= Beginning of Section =
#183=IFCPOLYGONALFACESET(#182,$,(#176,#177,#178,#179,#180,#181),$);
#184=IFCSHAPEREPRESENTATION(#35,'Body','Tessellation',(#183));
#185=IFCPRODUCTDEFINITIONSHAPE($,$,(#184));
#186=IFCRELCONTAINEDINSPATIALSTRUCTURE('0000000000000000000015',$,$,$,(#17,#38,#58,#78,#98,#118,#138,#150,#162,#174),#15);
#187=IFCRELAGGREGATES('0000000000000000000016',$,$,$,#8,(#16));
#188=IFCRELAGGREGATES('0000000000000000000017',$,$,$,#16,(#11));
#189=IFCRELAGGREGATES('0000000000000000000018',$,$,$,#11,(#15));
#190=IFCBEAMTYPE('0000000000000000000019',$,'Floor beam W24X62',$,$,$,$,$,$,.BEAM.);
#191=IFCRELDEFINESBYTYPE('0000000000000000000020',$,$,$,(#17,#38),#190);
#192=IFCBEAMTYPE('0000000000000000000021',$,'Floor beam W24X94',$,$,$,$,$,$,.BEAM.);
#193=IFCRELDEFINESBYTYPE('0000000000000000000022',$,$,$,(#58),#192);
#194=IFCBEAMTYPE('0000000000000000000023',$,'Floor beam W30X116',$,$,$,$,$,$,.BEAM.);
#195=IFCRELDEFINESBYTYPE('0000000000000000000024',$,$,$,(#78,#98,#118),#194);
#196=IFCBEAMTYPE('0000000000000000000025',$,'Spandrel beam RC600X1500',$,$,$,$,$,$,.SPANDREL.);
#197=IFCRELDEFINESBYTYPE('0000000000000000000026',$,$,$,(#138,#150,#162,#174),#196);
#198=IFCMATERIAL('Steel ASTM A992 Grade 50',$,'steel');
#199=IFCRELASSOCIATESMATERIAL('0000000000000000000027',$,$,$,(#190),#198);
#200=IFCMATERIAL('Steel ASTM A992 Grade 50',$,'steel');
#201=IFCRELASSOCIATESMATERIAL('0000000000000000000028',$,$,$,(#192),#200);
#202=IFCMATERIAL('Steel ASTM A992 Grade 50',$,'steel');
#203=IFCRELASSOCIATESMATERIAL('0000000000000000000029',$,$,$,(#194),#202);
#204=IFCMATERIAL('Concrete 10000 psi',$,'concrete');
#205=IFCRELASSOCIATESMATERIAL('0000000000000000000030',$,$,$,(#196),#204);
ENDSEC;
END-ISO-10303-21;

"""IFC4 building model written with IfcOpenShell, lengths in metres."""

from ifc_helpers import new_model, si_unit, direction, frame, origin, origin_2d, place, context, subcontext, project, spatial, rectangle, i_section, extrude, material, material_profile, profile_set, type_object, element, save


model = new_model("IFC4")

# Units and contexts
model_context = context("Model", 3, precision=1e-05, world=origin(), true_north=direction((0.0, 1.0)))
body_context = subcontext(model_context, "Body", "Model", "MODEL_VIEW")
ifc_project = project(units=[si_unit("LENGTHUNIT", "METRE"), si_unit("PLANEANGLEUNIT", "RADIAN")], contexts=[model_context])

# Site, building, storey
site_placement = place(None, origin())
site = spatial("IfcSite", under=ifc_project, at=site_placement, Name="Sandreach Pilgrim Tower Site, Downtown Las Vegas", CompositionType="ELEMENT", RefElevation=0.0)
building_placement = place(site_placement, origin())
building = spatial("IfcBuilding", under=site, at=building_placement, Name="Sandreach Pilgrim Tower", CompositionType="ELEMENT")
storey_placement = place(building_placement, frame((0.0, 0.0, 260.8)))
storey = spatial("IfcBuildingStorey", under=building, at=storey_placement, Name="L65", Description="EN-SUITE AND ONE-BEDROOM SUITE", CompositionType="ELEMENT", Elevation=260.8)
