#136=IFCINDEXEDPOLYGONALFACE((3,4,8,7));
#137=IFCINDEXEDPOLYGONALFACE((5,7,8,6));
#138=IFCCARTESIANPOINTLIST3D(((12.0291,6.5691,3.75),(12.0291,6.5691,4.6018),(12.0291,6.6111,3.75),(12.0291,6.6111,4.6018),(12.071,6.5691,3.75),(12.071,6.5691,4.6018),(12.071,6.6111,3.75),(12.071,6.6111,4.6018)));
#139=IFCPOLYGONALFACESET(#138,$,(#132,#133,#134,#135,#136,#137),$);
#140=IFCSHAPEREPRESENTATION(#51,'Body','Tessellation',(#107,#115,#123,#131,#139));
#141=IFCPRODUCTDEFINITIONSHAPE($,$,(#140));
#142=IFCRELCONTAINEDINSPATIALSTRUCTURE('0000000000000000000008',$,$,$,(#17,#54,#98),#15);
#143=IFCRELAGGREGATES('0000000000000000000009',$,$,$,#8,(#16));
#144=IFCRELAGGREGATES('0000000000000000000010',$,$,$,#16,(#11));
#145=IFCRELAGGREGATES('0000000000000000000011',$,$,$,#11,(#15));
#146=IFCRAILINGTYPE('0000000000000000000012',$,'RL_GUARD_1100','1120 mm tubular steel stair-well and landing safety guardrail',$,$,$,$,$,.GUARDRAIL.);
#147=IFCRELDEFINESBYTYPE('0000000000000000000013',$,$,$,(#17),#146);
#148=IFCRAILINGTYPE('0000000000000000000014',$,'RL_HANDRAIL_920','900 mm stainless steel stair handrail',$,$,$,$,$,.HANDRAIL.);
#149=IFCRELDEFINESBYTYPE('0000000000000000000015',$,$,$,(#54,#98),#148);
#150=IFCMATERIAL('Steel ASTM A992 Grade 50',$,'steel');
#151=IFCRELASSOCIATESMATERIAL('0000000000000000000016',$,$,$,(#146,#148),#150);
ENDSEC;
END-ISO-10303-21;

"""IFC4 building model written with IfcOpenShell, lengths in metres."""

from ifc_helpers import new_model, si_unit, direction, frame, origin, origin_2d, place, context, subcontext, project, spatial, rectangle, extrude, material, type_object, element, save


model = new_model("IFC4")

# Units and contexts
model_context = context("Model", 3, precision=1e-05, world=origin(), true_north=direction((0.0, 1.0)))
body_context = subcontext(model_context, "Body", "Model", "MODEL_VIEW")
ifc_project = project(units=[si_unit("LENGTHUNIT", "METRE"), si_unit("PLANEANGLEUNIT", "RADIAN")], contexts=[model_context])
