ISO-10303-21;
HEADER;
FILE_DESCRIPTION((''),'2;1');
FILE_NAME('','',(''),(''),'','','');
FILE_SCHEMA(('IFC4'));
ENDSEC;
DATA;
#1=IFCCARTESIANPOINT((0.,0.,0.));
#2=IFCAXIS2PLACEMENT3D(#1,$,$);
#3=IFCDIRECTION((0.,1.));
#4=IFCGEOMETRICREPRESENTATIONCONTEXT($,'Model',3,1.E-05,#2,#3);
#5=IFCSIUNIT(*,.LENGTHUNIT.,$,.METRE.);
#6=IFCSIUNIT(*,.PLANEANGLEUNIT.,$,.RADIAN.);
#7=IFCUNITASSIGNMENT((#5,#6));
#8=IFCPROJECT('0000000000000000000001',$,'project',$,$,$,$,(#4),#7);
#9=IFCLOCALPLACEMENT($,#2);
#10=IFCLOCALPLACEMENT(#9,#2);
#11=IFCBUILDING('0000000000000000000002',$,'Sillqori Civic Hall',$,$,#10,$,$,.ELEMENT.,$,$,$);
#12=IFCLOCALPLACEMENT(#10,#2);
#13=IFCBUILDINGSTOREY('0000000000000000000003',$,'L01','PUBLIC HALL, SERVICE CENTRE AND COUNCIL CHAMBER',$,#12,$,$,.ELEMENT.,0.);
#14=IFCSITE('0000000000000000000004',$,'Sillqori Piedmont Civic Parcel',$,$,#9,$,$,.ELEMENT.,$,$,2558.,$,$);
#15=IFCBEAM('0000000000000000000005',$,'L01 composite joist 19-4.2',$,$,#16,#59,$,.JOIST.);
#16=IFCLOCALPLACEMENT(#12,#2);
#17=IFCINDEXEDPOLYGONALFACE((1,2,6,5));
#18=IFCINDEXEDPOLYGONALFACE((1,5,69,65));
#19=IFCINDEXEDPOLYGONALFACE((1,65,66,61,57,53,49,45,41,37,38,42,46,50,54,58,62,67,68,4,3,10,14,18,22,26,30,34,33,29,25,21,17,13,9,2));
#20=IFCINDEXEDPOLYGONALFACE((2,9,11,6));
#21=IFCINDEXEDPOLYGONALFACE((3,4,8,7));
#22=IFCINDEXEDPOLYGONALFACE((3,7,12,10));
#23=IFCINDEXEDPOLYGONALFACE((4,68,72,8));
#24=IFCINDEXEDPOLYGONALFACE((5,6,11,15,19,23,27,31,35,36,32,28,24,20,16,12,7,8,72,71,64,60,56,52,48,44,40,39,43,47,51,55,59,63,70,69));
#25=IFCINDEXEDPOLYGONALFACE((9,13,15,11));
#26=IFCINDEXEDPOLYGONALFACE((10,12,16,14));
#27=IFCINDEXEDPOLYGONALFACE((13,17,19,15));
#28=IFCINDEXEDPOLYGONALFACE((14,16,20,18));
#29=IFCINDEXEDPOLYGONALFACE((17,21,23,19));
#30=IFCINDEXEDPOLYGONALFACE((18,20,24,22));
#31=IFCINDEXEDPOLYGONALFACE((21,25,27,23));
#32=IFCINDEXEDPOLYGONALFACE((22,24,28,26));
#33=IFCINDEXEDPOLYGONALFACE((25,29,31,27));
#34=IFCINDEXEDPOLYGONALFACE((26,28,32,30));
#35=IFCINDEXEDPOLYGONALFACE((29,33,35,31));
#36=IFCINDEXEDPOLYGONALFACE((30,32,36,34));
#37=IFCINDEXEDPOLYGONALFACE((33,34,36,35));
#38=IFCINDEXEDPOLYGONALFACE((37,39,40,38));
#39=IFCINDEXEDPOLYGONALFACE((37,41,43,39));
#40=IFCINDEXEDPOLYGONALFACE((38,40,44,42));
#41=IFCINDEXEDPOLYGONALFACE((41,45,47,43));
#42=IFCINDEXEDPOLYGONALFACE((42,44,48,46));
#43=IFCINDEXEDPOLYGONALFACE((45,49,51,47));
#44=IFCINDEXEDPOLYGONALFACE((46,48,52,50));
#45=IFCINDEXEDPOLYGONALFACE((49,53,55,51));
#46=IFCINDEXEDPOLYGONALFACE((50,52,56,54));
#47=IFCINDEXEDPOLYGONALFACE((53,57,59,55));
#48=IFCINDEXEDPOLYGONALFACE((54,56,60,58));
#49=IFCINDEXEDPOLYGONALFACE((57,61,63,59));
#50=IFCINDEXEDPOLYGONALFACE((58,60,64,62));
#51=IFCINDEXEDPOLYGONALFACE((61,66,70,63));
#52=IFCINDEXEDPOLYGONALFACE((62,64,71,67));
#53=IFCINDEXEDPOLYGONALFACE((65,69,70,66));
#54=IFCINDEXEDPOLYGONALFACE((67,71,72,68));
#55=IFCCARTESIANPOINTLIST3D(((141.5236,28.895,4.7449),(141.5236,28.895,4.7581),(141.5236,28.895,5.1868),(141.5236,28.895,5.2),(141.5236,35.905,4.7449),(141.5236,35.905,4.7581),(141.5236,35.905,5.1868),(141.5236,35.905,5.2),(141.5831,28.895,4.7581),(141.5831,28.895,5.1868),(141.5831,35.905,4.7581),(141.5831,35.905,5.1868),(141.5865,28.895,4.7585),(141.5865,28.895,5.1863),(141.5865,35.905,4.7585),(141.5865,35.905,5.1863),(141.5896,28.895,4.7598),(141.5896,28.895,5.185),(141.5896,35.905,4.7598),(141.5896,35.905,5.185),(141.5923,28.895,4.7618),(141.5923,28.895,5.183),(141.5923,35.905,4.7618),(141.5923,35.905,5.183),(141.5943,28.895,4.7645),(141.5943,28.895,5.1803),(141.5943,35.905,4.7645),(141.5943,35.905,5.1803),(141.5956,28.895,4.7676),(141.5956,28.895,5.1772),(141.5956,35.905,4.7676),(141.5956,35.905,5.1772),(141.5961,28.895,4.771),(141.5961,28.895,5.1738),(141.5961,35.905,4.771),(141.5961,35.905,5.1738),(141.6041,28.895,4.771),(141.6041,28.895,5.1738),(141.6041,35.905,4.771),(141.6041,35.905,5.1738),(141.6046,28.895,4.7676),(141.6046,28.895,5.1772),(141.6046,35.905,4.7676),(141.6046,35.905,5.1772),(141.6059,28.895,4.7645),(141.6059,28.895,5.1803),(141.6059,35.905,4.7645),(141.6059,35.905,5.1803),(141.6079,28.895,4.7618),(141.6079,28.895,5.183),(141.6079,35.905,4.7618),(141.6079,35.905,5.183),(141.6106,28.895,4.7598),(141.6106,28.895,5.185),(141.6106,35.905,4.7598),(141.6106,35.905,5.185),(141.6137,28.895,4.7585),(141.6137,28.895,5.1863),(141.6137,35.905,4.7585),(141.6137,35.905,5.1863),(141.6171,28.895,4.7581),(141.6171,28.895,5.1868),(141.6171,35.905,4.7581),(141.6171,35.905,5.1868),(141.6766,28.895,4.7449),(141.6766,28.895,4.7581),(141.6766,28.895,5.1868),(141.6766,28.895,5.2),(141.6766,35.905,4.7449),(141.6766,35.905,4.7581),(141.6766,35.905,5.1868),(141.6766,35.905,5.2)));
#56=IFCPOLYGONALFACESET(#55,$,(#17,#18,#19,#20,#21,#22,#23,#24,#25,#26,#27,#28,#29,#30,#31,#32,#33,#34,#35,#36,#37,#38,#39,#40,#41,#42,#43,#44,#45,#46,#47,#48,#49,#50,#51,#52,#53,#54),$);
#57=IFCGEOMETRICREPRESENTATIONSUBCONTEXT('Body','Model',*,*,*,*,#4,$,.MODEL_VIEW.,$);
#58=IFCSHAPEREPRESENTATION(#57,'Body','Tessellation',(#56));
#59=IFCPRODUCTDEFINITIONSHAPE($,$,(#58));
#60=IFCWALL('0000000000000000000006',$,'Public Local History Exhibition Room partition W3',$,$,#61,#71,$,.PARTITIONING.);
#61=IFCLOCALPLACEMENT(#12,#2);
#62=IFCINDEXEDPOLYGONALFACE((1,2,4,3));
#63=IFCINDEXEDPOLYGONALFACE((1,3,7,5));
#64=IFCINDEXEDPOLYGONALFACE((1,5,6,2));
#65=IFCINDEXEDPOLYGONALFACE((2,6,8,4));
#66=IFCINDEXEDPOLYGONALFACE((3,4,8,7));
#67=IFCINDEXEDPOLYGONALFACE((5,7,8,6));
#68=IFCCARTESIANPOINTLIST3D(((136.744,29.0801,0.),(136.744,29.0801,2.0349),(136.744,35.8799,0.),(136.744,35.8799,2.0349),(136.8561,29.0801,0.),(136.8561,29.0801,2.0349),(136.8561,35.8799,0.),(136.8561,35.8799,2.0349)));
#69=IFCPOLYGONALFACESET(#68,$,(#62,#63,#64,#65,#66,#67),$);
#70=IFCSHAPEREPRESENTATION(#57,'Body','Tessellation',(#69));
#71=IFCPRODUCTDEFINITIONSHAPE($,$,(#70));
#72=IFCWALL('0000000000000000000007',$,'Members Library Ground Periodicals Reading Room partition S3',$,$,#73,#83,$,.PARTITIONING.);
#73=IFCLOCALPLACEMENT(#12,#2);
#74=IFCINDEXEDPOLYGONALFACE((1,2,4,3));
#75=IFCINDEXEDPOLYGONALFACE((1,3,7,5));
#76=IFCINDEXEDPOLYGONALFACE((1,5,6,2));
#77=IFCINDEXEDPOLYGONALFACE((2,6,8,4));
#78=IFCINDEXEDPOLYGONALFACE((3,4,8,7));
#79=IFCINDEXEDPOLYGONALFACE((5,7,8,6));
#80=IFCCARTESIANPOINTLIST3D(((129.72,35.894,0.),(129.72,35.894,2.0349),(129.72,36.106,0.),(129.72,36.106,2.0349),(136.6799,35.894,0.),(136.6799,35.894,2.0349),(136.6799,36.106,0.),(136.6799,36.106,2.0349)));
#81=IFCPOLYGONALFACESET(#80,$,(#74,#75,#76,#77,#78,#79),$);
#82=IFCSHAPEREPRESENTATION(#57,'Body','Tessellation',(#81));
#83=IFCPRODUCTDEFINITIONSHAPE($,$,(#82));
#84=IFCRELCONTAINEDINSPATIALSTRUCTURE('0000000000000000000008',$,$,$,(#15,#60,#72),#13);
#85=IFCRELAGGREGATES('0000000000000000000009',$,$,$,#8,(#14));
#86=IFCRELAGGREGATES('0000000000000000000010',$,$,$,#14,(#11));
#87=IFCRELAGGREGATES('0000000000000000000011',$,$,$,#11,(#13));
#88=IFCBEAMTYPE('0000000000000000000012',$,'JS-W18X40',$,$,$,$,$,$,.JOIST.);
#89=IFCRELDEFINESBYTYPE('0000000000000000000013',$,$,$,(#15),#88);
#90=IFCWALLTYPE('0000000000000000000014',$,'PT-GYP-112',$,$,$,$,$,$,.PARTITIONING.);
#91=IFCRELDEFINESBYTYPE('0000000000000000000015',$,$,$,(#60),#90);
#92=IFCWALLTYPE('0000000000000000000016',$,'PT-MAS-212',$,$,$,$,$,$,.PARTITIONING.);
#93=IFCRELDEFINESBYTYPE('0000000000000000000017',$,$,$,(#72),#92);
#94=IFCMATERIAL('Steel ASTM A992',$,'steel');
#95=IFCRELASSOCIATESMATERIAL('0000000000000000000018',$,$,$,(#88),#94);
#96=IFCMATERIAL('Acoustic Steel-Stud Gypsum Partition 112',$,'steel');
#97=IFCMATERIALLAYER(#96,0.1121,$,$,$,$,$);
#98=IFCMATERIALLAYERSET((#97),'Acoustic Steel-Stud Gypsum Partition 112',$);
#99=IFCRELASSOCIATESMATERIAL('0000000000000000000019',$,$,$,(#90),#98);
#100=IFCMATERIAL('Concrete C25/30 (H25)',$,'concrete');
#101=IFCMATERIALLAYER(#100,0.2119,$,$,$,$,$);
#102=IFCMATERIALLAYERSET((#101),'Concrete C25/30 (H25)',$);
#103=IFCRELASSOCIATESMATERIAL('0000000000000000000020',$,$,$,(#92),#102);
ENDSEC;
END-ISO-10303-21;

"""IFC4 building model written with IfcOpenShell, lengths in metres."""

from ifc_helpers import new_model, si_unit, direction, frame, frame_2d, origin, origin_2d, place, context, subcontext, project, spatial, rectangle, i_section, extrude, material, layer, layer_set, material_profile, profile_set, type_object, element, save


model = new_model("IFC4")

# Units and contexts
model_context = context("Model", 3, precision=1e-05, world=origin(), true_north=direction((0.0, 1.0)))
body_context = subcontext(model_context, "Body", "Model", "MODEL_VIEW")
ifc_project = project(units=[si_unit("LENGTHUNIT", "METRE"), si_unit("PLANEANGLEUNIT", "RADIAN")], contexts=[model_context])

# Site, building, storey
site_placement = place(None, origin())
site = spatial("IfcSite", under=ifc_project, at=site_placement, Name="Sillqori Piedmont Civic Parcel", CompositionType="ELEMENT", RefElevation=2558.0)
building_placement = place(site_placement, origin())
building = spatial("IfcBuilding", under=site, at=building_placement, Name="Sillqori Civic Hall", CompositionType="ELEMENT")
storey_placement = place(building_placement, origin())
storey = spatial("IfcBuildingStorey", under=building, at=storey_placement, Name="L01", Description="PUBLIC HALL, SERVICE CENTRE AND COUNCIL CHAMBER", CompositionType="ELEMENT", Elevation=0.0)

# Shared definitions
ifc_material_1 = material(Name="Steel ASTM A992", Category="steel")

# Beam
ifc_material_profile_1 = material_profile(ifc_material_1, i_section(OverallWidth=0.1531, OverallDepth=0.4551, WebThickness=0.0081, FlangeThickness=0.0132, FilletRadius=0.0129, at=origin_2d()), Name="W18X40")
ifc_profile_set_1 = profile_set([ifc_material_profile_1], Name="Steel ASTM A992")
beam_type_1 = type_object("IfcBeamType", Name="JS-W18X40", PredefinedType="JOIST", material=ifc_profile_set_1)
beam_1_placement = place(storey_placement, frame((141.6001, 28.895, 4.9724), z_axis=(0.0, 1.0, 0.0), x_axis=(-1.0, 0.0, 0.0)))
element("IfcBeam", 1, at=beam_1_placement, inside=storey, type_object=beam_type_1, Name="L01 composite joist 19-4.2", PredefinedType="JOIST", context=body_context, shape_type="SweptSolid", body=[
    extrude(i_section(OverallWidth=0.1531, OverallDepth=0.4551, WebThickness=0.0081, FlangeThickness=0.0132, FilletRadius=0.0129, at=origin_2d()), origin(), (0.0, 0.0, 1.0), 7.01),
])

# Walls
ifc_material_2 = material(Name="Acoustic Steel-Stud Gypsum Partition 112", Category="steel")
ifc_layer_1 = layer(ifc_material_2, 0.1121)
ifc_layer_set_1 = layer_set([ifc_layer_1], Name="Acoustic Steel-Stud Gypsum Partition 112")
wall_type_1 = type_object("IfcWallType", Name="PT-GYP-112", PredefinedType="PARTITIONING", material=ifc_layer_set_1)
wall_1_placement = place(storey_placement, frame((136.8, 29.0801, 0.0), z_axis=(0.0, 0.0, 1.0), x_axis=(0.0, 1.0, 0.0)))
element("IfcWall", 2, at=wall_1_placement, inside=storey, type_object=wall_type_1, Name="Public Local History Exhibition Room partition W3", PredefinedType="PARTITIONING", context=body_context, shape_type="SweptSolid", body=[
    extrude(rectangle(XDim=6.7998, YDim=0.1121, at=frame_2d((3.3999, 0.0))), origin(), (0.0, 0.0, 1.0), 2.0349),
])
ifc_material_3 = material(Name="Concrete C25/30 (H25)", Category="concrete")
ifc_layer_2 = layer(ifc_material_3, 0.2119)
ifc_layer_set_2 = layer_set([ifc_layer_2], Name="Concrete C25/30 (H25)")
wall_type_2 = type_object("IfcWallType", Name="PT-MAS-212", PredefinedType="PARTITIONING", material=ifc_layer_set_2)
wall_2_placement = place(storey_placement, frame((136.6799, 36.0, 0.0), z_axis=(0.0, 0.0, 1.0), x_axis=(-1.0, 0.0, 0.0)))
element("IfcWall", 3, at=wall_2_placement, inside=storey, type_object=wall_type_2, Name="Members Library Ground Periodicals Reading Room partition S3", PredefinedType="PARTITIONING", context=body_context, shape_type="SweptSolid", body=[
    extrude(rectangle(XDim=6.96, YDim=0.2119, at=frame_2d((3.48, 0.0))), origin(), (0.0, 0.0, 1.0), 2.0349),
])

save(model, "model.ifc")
= End of Section =
Lines from the start of the records through the one containing "#185=IFCPRODUCTDEFINITIONSHAPE($,$,(#184));" are what should be retyped, exactly and in full, both ends included.

# Reply to the task:
#183=IFCPOLYGONALFACESET(#182,$,(#176,#177,#178,#179,#180,#181),$);
#184=IFCSHAPEREPRESENTATION(#35,'Body','Tessellation',(#183));
#185=IFCPRODUCTDEFINITIONSHAPE($,$,(#184));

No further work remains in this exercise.